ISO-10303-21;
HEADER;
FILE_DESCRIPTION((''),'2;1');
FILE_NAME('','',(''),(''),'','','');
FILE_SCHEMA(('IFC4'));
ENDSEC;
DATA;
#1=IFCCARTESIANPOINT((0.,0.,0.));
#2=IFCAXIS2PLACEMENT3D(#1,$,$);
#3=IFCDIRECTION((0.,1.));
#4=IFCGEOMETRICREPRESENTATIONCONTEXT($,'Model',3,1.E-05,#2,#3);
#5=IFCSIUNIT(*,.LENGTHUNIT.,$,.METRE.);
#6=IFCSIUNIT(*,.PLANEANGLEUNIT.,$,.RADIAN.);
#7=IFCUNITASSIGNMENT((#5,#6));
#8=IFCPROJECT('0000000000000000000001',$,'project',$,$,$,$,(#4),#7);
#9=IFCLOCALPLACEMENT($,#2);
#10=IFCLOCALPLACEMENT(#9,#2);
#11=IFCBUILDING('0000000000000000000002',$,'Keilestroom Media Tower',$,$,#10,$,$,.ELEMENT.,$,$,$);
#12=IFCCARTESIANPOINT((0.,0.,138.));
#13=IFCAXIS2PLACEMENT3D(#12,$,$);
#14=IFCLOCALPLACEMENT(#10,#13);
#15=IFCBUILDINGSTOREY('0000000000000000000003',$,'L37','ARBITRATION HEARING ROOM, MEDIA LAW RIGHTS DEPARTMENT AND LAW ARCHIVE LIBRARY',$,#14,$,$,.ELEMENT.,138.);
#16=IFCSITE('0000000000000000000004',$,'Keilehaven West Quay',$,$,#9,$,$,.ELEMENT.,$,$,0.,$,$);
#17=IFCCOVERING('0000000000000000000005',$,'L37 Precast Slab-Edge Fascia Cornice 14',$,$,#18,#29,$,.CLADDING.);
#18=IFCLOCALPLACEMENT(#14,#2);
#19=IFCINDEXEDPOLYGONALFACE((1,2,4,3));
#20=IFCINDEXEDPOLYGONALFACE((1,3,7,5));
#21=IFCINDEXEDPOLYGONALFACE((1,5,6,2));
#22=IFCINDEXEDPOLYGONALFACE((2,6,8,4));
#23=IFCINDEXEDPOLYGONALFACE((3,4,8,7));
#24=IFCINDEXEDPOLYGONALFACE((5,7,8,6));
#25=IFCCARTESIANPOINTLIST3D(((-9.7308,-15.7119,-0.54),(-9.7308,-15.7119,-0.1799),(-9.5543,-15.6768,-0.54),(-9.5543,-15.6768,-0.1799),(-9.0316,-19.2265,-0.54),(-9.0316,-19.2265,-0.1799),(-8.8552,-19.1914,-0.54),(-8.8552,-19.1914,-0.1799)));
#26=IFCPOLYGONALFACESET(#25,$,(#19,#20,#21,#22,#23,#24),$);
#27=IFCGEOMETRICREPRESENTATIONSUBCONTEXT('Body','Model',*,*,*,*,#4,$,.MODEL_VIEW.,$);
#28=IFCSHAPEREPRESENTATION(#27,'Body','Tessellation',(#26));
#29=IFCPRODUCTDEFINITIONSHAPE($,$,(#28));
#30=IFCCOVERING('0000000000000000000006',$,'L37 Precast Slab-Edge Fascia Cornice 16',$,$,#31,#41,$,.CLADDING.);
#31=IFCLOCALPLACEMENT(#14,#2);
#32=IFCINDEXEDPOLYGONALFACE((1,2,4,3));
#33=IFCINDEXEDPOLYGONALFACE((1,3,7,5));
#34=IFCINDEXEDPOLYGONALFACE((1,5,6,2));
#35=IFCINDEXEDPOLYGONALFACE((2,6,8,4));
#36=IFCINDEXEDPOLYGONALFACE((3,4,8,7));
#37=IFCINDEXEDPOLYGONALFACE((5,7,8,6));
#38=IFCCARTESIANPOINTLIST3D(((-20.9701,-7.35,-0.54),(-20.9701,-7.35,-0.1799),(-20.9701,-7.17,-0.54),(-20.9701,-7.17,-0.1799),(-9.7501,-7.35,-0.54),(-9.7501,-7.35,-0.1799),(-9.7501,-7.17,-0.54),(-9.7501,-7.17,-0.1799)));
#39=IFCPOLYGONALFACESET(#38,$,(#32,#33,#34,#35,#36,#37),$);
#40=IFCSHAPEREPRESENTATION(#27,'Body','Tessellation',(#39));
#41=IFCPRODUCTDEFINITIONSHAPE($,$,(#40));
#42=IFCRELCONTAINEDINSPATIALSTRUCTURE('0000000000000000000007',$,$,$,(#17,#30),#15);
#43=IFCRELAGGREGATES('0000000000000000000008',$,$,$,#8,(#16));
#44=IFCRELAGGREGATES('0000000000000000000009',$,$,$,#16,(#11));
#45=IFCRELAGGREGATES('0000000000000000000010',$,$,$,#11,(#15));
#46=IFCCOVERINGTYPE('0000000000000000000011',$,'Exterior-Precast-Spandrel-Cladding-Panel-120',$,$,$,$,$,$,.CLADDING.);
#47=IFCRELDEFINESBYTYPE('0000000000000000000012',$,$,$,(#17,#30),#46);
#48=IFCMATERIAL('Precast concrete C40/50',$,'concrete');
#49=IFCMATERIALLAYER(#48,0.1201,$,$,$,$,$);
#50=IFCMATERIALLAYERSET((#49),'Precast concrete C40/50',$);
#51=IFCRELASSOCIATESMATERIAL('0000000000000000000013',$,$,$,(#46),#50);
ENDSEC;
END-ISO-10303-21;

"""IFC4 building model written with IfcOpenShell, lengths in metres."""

from ifc_helpers import new_model, si_unit, direction, frame, origin, origin_2d, place, context, subcontext, project, spatial, rectangle, extrude, source, transform, mapped, material, layer, layer_set, type_object, element, save


model = new_model("IFC4")

# Units and contexts
model_context = context("Model", 3, precision=1e-05, world=origin(), true_north=direction((0.0, 1.0)))
body_context = subcontext(model_context, "Body", "Model", "MODEL_VIEW")
ifc_project = project(units=[si_unit("LENGTHUNIT", "METRE"), si_unit("PLANEANGLEUNIT", "RADIAN")], contexts=[model_context])

# Site, building, storey
site_placement = place(None, origin())
site = spatial("IfcSite", under=ifc_project, at=site_placement, Name="Keilehaven West Quay", CompositionType="ELEMENT", RefElevation=0.0)
building_placement = place(site_placement, origin())
building = spatial("IfcBuilding", under=site, at=building_placement, Name="Keilestroom Media Tower", CompositionType="ELEMENT")
storey_placement = place(building_placement, frame((0.0, 0.0, 138.0)))
storey = spatial("IfcBuildingStorey", under=building, at=storey_placement, Name="L37", Description="ARBITRATION HEARING ROOM, MEDIA LAW RIGHTS DEPARTMENT AND LAW ARCHIVE LIBRARY", CompositionType="ELEMENT", Elevation=138.0)

# Shared definitions
ifc_material_1 = material(Name="Precast concrete C40/50", Category="concrete")

# Coverings
ifc_layer_1 = layer(ifc_material_1, 0.1201)
ifc_layer_set_1 = layer_set([ifc_layer_1], Name="Precast concrete C40/50")
covering_type = type_object("IfcCoveringType", Name="Exterior-Precast-Spandrel-Cladding-Panel-120", PredefinedType="CLADDING", material=ifc_layer_set_1)
shared_shape_1 = source(origin(), body_context, "Body", "SweptSolid", [
    extrude(rectangle(XDim=3.5835, YDim=0.1799, at=origin_2d()), origin(), (0.0, 0.0, 1.0), 0.3601),
])
covering_1_placement = place(storey_placement, frame((-9.293, -17.4517, -0.54), z_axis=(0.0, 0.0, 1.0), x_axis=(-0.195099, 0.980784, 0.0)))
element("IfcCovering", 1, at=covering_1_placement, inside=storey, type_object=covering_type, Name="L37 Precast Slab-Edge Fascia Cornice 14", PredefinedType="CLADDING", context=body_context, shape_type="MappedRepresentation", body=[
    mapped(shared_shape_1, transform((0.0, 0.0, 0.0), x_axis=(1.0, 0.0, 0.0), y_axis=(0.0, 1.0, 0.0), z_axis=(0.0, 0.0, 1.0), scale=1.0)),
])
shared_shape_2 = source(origin(), body_context, "Body", "SweptSolid", [
    extrude(rectangle(XDim=11.22, YDim=0.1799, at=origin_2d()), origin(), (0.0, 0.0, 1.0), 0.3601),
])
covering_2_placement = place(storey_placement, frame((-15.3601, -7.26, -0.54), z_axis=(0.0, 0.0, 1.0), x_axis=(-1.0, 0.0, 0.0)))
element("IfcCovering", 2, at=covering_2_placement, inside=storey, type_object=covering_type, Name="L37 Precast Slab-Edge Fascia Cornice 16", PredefinedType="CLADDING", context=body_context, shape_type="MappedRepresentation", body=[
    mapped(shared_shape_2, transform((0.0, 0.0, 0.0), x_axis=(1.0, 0.0, 0.0), y_axis=(0.0, 1.0, 0.0), z_axis=(0.0, 0.0, 1.0), scale=1.0)),
])

save(model, "model.ifc")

■ ■ ■ ■ ■ ■ ■

- _REQUIREMENT_: Word for word, restate the listing above from its first line to the line with "#31=IFCLOCALPLACEMENT(#14,#2);", keeping both.

- _WRITTEN RESPONSE_:
ISO-10303-21;
HEADER;
FILE_DESCRIPTION((''),'2;1');
FILE_NAME('','',(''),(''),'','','');
FILE_SCHEMA(('IFC4'));
ENDSEC;
DATA;
#1=IFCCARTESIANPOINT((0.,0.,0.));
#2=IFCAXIS2PLACEMENT3D(#1,$,$);
#3=IFCDIRECTION((0.,1.));
#4=IFCGEOMETRICREPRESENTATIONCONTEXT($,'Model',3,1.E-05,#2,#3);
#5=IFCSIUNIT(*,.LENGTHUNIT.,$,.METRE.);
#6=IFCSIUNIT(*,.PLANEANGLEUNIT.,$,.RADIAN.);
#7=IFCUNITASSIGNMENT((#5,#6));
#8=IFCPROJECT('0000000000000000000001',$,'project',$,$,$,$,(#4),#7);
#9=IFCLOCALPLACEMENT($,#2);
#10=IFCLOCALPLACEMENT(#9,#2);
#11=IFCBUILDING('0000000000000000000002',$,'Keilestroom Media Tower',$,$,#10,$,$,.ELEMENT.,$,$,$);
#12=IFCCARTESIANPOINT((0.,0.,138.));
#13=IFCAXIS2PLACEMENT3D(#12,$,$);
#14=IFCLOCALPLACEMENT(#10,#13);
#15=IFCBUILDINGSTOREY('0000000000000000000003',$,'L37','ARBITRATION HEARING ROOM, MEDIA LAW RIGHTS DEPARTMENT AND LAW ARCHIVE LIBRARY',$,#14,$,$,.ELEMENT.,138.);
#16=IFCSITE('0000000000000000000004',$,'Keilehaven West Quay',$,$,#9,$,$,.ELEMENT.,$,$,0.,$,$);
#17=IFCCOVERING('0000000000000000000005',$,'L37 Precast Slab-Edge Fascia Cornice 14',$,$,#18,#29,$,.CLADDING.);
#18=IFCLOCALPLACEMENT(#14,#2);
#19=IFCINDEXEDPOLYGONALFACE((1,2,4,3));
#20=IFCINDEXEDPOLYGONALFACE((1,3,7,5));
#21=IFCINDEXEDPOLYGONALFACE((1,5,6,2));
#22=IFCINDEXEDPOLYGONALFACE((2,6,8,4));
#23=IFCINDEXEDPOLYGONALFACE((3,4,8,7));
#24=IFCINDEXEDPOLYGONALFACE((5,7,8,6));
#25=IFCCARTESIANPOINTLIST3D(((-9.7308,-15.7119,-0.54),(-9.7308,-15.7119,-0.1799),(-9.5543,-15.6768,-0.54),(-9.5543,-15.6768,-0.1799),(-9.0316,-19.2265,-0.54),(-9.0316,-19.2265,-0.1799),(-8.8552,-19.1914,-0.54),(-8.8552,-19.1914,-0.1799)));
#26=IFCPOLYGONALFACESET(#25,$,(#19,#20,#21,#22,#23,#24),$);
#27=IFCGEOMETRICREPRESENTATIONSUBCONTEXT('Body','Model',*,*,*,*,#4,$,.MODEL_VIEW.,$);
#28=IFCSHAPEREPRESENTATION(#27,'Body','Tessellation',(#26));
#29=IFCPRODUCTDEFINITIONSHAPE($,$,(#28));
#30=IFCCOVERING('0000000000000000000006',$,'L37 Precast Slab-Edge Fascia Cornice 16',$,$,#31,#41,$,.CLADDING.);
#31=IFCLOCALPLACEMENT(#14,#2);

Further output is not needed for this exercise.